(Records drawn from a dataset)

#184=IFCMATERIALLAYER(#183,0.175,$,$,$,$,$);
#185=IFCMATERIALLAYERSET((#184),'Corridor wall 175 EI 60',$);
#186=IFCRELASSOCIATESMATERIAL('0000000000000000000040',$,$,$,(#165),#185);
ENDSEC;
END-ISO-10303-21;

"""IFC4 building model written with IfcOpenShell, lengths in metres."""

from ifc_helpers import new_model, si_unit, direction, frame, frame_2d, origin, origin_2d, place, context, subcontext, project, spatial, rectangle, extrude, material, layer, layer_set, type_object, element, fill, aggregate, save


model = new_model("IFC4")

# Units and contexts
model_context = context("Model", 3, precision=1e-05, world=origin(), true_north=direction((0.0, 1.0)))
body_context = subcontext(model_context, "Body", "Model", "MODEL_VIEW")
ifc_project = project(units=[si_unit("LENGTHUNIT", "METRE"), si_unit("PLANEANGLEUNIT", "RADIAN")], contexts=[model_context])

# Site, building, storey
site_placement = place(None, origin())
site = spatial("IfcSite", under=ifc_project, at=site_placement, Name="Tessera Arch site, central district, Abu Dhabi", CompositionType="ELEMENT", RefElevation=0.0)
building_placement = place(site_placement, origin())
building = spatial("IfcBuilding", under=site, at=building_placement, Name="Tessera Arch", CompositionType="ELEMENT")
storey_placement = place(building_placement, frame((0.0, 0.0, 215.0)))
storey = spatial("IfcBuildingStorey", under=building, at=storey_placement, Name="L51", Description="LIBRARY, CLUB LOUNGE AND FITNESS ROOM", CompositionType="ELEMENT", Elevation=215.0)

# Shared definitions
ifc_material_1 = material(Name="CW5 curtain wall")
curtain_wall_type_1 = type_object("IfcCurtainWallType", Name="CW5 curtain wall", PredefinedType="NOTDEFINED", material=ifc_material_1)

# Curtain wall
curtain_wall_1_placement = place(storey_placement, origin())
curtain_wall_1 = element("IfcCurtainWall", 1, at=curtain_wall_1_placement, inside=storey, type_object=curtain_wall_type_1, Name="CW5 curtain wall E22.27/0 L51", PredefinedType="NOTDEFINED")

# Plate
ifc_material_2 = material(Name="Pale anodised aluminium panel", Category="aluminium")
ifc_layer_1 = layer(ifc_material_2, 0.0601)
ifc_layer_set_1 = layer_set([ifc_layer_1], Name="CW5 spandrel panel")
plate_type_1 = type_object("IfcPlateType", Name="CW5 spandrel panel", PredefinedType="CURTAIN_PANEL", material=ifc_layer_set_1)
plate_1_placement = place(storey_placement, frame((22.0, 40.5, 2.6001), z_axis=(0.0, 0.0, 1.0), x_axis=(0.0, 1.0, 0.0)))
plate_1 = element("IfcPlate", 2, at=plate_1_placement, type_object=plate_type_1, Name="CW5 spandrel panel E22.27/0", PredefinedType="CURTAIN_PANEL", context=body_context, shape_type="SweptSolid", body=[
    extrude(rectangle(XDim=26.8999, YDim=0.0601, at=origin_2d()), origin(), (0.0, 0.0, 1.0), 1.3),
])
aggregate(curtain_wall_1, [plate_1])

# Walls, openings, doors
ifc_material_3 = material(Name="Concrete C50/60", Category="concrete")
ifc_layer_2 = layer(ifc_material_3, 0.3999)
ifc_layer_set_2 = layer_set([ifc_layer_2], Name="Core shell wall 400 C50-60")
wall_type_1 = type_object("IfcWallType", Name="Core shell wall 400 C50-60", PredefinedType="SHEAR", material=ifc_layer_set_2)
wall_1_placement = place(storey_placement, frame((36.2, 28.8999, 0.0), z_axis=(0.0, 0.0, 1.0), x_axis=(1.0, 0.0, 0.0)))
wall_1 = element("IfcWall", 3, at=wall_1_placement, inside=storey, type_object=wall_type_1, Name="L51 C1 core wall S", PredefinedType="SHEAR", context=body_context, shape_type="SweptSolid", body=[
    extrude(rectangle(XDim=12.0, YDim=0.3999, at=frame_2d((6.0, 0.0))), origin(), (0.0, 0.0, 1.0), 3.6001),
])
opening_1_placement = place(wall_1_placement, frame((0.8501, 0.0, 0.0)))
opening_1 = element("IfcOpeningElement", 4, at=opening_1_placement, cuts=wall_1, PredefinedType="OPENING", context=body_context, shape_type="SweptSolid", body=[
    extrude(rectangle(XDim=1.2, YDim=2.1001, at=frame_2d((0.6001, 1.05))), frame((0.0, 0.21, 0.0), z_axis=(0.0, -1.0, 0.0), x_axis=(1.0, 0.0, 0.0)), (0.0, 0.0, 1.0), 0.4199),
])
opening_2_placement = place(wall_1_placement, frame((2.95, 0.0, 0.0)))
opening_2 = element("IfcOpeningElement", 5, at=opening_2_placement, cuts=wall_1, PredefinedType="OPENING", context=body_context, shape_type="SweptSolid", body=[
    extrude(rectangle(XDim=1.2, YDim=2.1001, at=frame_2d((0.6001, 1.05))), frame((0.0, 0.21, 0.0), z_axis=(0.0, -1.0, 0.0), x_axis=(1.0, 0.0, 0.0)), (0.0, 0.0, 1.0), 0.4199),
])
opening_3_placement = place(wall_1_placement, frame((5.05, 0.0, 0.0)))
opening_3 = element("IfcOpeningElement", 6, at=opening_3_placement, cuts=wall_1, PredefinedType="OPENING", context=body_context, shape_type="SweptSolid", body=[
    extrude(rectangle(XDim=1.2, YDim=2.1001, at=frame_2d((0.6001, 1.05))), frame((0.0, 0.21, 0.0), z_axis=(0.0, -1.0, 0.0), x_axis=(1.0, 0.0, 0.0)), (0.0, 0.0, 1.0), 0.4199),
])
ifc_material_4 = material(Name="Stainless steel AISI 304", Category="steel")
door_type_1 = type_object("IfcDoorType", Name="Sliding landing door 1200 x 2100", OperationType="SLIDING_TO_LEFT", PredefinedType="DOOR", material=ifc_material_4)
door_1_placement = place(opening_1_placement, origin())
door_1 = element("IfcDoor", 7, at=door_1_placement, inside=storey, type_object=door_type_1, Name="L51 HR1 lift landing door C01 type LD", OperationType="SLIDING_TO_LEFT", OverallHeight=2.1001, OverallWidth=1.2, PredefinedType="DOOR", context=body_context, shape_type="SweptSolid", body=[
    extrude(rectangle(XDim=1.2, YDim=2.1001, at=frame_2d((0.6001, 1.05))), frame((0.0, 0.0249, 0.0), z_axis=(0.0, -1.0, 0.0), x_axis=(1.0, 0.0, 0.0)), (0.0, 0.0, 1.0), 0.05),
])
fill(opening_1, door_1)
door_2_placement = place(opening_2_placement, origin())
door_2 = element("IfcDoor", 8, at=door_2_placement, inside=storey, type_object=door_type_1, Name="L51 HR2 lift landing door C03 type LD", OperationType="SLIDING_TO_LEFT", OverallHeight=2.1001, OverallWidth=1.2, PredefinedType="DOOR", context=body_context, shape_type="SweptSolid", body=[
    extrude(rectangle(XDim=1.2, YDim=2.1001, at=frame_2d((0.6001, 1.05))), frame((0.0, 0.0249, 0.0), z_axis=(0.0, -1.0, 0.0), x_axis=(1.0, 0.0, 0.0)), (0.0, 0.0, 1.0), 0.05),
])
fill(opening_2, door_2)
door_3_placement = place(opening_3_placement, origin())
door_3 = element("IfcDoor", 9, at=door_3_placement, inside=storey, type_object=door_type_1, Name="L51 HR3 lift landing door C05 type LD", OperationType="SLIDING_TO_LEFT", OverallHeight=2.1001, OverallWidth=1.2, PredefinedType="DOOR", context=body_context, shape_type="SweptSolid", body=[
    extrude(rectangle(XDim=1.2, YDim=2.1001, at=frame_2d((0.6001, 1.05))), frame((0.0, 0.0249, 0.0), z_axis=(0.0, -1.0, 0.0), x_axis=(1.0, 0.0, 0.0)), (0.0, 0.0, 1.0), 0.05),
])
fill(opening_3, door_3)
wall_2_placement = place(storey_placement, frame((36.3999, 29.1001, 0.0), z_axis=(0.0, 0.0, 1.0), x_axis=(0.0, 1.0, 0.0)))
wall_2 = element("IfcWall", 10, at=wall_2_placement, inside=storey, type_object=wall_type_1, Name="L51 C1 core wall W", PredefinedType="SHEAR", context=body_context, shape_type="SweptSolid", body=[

ASSIGNED TASK: What you return must be an exact retyping of the lines above starting at the line with "x_axis=(1.0, 0.0, 0.0)))" and ending at the line with "frame((0.8501, 0.0, 0.0)))", and nothing besides.

RESPONSE FOR THIS EXERCISE:
wall_1_placement = place(storey_placement, frame((36.2, 28.8999, 0.0), z_axis=(0.0, 0.0, 1.0), x_axis=(1.0, 0.0, 0.0)))
wall_1 = element("IfcWall", 3, at=wall_1_placement, inside=storey, type_object=wall_type_1, Name="L51 C1 core wall S", PredefinedType="SHEAR", context=body_context, shape_type="SweptSolid", body=[
    extrude(rectangle(XDim=12.0, YDim=0.3999, at=frame_2d((6.0, 0.0))), origin(), (0.0, 0.0, 1.0), 3.6001),
])
opening_1_placement = place(wall_1_placement, frame((0.8501, 0.0, 0.0)))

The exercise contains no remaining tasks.